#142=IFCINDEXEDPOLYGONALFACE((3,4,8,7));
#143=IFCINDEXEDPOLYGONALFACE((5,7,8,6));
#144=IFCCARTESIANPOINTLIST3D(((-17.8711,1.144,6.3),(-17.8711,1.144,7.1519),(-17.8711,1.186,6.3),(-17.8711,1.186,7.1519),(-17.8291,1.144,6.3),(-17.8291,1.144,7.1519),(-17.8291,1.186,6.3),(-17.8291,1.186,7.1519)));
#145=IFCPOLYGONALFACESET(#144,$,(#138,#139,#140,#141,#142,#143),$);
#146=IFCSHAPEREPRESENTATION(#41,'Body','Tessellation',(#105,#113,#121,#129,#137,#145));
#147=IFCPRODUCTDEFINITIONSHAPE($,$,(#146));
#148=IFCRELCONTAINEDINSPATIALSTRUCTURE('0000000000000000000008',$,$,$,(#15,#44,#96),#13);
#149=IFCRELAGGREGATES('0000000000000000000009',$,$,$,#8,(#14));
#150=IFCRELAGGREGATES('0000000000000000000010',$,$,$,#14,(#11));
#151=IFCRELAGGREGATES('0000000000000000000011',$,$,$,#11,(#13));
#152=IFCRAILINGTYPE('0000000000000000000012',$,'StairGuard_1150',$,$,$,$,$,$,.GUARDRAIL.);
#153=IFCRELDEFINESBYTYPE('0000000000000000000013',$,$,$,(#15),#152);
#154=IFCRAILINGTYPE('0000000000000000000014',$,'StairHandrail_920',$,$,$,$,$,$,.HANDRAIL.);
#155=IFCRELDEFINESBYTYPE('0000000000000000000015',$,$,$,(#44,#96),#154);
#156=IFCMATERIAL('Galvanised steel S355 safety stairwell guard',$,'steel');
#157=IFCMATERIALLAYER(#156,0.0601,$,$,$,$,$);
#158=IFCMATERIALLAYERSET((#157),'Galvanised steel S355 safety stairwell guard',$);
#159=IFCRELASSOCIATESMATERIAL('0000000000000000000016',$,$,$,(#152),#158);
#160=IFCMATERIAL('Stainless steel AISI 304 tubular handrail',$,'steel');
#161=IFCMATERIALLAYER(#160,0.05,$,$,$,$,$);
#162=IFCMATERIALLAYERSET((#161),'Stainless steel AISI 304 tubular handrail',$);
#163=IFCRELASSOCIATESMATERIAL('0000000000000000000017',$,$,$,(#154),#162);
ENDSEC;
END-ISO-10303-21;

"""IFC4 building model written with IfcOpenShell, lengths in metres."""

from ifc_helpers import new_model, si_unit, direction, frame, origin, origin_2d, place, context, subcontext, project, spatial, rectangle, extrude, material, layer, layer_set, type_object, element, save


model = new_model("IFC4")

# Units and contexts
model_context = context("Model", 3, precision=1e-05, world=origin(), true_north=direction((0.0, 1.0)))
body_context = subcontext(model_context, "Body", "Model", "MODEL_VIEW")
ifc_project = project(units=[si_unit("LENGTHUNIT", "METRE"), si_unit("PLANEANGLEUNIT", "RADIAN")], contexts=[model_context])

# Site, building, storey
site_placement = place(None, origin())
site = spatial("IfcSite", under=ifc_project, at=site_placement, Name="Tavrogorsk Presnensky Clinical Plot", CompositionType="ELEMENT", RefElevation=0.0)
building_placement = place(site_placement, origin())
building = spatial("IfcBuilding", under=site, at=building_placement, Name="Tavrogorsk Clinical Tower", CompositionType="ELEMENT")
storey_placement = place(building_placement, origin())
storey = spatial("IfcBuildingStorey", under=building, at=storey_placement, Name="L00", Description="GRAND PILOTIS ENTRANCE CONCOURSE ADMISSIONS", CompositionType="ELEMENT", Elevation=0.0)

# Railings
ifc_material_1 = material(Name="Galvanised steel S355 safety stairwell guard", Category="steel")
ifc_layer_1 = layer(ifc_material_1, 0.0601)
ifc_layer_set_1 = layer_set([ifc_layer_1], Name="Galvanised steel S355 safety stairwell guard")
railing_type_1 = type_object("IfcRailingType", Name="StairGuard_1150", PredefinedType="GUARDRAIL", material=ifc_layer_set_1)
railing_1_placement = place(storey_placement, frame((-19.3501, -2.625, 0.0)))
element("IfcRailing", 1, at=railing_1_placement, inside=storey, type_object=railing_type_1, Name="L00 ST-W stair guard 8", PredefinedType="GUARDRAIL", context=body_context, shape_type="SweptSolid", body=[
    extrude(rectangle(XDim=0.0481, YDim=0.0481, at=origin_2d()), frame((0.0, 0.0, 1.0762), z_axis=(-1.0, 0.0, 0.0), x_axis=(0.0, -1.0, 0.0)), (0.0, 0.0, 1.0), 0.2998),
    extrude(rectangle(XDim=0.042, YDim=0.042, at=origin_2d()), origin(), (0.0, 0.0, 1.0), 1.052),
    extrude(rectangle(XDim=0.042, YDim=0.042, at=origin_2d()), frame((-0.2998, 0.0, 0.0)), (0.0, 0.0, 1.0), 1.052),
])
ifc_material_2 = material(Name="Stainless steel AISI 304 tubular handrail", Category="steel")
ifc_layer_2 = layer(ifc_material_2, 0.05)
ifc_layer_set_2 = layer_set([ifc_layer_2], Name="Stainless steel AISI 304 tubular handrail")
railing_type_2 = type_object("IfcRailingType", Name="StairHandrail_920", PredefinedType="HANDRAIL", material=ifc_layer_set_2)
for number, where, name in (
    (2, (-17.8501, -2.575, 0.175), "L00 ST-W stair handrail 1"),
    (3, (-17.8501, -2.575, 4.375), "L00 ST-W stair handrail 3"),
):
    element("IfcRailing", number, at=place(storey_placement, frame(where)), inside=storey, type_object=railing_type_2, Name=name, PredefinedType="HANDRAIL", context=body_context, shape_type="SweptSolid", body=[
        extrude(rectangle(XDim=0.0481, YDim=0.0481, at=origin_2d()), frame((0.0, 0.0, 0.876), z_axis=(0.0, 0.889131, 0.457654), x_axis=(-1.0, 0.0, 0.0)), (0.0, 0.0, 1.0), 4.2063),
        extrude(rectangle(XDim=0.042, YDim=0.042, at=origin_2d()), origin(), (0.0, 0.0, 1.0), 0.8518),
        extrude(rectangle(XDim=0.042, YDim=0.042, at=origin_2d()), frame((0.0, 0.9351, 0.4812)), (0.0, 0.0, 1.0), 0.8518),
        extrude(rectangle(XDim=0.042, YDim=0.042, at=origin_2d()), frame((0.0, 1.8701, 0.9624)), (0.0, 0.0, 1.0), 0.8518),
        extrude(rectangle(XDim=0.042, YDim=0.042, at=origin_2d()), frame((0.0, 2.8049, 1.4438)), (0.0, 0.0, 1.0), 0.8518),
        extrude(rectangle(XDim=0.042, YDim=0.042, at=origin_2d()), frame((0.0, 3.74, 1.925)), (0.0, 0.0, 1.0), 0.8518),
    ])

_Your instructions_.
Using the records above, restate word for word the lines from the one with "building_placement = place(site_placement, origin())" through the one with "ifc_layer_1 = layer(ifc_material_1, 0.0601)", both included.

_Final answer_.
building_placement = place(site_placement, origin())
building = spatial("IfcBuilding", under=site, at=building_placement, Name="Tavrogorsk Clinical Tower", CompositionType="ELEMENT")
storey_placement = place(building_placement, origin())
storey = spatial("IfcBuildingStorey", under=building, at=storey_placement, Name="L00", Description="GRAND PILOTIS ENTRANCE CONCOURSE ADMISSIONS", CompositionType="ELEMENT", Elevation=0.0)

# Railings
ifc_material_1 = material(Name="Galvanised steel S355 safety stairwell guard", Category="steel")
ifc_layer_1 = layer(ifc_material_1, 0.0601)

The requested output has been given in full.